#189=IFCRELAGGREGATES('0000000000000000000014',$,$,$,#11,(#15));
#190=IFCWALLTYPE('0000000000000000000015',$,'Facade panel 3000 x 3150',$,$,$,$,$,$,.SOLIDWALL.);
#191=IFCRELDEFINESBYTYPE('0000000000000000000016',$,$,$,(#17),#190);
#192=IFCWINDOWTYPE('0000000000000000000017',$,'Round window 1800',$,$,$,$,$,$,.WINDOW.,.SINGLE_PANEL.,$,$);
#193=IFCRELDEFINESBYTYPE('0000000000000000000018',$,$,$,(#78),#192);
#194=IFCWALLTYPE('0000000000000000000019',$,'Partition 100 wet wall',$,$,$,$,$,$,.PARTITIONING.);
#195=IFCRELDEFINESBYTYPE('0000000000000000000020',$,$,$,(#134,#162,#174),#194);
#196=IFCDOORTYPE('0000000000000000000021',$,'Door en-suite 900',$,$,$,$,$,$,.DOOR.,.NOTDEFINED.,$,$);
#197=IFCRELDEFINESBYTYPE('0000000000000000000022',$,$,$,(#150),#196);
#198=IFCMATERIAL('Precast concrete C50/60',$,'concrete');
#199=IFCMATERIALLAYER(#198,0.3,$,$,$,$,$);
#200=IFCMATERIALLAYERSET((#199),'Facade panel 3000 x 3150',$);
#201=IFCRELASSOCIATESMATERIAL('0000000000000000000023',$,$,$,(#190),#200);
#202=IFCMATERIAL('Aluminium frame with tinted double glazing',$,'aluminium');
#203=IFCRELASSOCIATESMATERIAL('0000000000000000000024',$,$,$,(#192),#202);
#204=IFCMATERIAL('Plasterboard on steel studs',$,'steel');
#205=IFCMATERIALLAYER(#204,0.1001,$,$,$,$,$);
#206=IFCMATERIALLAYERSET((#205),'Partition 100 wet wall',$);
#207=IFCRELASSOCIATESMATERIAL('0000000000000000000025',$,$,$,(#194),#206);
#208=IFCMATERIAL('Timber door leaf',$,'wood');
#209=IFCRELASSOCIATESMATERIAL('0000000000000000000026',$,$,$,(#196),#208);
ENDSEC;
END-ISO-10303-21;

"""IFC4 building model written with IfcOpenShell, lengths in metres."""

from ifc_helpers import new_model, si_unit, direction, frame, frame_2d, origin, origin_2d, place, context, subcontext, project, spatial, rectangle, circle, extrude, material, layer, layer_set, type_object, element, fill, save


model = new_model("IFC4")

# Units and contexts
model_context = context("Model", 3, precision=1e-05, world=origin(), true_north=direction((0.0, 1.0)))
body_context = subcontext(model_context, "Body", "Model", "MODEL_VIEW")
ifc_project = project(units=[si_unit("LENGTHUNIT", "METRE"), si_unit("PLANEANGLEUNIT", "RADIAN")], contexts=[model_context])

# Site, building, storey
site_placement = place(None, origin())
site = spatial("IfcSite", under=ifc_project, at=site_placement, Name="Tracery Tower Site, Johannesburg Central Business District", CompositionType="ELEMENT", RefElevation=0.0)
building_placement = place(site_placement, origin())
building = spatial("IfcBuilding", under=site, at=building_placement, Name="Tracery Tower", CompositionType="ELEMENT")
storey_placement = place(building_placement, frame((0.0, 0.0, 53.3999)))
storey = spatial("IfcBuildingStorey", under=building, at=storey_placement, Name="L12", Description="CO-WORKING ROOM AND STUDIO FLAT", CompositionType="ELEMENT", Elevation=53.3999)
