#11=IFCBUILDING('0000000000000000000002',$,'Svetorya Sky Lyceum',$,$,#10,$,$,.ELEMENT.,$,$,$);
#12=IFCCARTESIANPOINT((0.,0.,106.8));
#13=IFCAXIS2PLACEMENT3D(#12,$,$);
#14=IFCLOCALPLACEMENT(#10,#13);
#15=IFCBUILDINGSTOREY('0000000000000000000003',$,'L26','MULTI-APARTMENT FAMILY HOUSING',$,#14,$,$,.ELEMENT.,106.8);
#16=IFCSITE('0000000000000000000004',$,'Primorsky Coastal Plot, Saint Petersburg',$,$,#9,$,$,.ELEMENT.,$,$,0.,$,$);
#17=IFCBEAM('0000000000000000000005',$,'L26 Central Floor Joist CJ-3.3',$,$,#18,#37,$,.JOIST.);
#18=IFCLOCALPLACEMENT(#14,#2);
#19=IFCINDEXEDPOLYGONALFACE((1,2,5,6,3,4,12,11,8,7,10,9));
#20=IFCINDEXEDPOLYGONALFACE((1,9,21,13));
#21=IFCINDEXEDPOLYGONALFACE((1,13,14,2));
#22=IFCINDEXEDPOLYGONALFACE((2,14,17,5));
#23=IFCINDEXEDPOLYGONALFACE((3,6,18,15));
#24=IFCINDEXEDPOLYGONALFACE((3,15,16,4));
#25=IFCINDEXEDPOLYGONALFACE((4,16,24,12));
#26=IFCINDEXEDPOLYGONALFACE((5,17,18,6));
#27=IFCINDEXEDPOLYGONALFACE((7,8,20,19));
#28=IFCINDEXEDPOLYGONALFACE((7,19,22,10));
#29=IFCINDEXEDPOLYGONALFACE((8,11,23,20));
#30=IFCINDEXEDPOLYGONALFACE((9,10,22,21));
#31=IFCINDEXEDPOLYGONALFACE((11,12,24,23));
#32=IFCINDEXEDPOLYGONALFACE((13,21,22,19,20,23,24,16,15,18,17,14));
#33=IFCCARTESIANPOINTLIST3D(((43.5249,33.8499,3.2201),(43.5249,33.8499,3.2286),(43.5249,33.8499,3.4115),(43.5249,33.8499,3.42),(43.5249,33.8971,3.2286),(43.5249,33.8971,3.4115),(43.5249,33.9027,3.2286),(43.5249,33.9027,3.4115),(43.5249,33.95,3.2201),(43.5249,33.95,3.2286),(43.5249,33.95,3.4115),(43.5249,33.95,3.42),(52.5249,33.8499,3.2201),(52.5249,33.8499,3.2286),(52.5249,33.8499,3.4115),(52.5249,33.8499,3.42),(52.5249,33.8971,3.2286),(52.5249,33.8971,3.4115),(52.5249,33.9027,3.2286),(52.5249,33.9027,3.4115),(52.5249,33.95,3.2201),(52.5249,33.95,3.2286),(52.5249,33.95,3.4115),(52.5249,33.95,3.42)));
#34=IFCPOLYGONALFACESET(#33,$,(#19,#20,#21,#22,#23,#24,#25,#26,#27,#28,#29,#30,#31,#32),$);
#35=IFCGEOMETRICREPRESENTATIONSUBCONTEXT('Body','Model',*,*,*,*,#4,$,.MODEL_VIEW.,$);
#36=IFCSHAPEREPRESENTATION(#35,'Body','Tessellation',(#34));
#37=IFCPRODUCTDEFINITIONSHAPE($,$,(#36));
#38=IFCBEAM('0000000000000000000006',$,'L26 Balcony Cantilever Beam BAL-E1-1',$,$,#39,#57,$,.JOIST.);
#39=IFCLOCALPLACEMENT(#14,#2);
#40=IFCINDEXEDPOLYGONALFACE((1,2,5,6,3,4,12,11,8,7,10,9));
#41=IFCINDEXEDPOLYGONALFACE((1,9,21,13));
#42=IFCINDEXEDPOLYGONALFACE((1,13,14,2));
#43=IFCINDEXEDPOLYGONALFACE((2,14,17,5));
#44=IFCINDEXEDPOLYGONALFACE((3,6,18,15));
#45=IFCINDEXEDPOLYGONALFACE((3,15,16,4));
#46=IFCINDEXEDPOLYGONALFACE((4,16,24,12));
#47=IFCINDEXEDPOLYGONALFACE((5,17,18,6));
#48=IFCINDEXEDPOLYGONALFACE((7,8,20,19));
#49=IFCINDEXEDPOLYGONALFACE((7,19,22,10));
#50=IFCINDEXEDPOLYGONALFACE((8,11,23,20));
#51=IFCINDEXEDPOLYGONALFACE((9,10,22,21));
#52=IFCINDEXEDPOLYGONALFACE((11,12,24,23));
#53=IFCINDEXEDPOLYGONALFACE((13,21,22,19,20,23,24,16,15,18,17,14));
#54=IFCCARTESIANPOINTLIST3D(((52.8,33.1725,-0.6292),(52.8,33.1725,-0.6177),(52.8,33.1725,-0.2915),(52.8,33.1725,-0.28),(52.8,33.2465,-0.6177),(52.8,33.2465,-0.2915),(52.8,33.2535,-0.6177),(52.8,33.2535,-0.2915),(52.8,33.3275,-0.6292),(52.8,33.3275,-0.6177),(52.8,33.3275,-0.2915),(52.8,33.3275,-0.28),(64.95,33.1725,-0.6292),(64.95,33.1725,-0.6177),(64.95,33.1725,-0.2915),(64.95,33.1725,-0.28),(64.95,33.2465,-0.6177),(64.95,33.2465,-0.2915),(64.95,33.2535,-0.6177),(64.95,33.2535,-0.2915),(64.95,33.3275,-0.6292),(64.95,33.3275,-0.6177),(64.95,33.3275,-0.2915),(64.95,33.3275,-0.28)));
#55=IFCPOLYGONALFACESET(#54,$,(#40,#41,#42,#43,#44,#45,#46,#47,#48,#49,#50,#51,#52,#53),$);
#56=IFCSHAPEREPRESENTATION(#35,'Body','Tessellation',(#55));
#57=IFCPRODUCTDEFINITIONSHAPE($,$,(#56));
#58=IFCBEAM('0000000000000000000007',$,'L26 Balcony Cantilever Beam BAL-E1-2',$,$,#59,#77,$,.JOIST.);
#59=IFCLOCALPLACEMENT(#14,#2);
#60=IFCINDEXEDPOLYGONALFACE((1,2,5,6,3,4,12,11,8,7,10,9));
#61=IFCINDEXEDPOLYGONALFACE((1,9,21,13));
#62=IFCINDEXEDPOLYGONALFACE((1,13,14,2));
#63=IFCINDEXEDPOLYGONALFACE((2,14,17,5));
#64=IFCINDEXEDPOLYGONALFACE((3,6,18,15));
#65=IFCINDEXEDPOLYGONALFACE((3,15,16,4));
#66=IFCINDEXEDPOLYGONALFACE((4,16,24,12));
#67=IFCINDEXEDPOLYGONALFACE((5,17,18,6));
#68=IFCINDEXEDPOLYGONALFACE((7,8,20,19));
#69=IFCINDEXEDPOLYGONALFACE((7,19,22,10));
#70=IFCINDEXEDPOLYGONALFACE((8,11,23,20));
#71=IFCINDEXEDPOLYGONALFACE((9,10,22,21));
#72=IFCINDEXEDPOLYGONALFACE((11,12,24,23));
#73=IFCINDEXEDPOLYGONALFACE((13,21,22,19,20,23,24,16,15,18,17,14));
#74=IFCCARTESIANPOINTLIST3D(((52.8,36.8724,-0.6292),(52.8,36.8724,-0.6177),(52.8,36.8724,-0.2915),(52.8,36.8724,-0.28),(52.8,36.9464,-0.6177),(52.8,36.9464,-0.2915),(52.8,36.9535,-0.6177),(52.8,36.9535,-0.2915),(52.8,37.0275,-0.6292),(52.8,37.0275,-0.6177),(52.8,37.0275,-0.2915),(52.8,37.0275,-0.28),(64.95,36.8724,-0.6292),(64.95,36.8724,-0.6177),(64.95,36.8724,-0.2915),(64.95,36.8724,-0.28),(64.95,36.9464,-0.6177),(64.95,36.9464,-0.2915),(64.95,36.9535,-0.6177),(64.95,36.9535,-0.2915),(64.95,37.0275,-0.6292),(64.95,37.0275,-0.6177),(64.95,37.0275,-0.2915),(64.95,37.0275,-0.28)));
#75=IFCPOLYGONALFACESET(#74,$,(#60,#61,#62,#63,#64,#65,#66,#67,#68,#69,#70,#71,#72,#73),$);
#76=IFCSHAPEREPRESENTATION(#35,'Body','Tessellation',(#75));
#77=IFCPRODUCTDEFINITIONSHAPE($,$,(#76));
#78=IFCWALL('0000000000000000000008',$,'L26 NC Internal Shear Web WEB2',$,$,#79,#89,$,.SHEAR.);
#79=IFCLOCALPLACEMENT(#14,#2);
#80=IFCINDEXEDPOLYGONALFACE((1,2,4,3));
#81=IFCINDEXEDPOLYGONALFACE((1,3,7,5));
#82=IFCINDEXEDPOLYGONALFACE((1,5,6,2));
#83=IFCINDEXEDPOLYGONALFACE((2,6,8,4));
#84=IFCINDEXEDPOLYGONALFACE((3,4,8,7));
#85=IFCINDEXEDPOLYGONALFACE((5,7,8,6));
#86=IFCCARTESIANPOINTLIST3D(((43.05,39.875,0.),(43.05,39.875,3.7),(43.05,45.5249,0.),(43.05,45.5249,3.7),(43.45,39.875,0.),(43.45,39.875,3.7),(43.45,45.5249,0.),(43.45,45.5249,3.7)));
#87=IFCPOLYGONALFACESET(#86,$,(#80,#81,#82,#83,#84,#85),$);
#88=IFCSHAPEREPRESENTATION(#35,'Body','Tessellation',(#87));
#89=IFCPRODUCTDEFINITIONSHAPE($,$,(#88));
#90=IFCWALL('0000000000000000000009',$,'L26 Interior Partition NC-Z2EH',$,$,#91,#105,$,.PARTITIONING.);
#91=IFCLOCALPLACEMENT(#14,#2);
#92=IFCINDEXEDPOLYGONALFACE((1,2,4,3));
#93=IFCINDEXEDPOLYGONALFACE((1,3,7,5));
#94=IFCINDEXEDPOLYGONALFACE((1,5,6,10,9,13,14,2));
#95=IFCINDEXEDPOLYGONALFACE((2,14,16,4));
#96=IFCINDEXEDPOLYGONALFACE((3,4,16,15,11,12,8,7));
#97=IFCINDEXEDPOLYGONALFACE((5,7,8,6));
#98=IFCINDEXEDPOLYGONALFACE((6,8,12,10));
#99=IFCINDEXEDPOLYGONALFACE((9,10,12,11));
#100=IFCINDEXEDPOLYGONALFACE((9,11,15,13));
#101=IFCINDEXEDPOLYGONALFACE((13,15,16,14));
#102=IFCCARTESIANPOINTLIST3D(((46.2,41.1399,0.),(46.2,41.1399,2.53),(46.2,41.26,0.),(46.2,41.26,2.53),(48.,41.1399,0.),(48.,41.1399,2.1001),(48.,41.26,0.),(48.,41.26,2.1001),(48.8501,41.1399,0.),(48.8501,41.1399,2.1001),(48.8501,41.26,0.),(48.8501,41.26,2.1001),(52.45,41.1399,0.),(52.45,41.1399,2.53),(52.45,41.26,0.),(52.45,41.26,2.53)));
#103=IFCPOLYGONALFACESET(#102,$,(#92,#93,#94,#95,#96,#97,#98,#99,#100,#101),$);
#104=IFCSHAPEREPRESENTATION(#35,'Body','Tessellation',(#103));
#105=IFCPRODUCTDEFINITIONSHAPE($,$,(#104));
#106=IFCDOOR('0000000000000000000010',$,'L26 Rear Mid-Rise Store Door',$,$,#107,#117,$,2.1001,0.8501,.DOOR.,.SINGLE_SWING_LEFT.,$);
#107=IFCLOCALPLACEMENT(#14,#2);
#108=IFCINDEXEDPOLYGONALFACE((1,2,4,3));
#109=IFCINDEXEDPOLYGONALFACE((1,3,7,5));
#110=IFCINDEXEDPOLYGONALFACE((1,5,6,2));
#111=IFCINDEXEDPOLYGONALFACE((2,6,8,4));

§ What you are asked to do: Please give the number of lines in the entries that contain the word "IFCRELDEFINESBYTYPE", and nothing besides it.

§ Response box: 4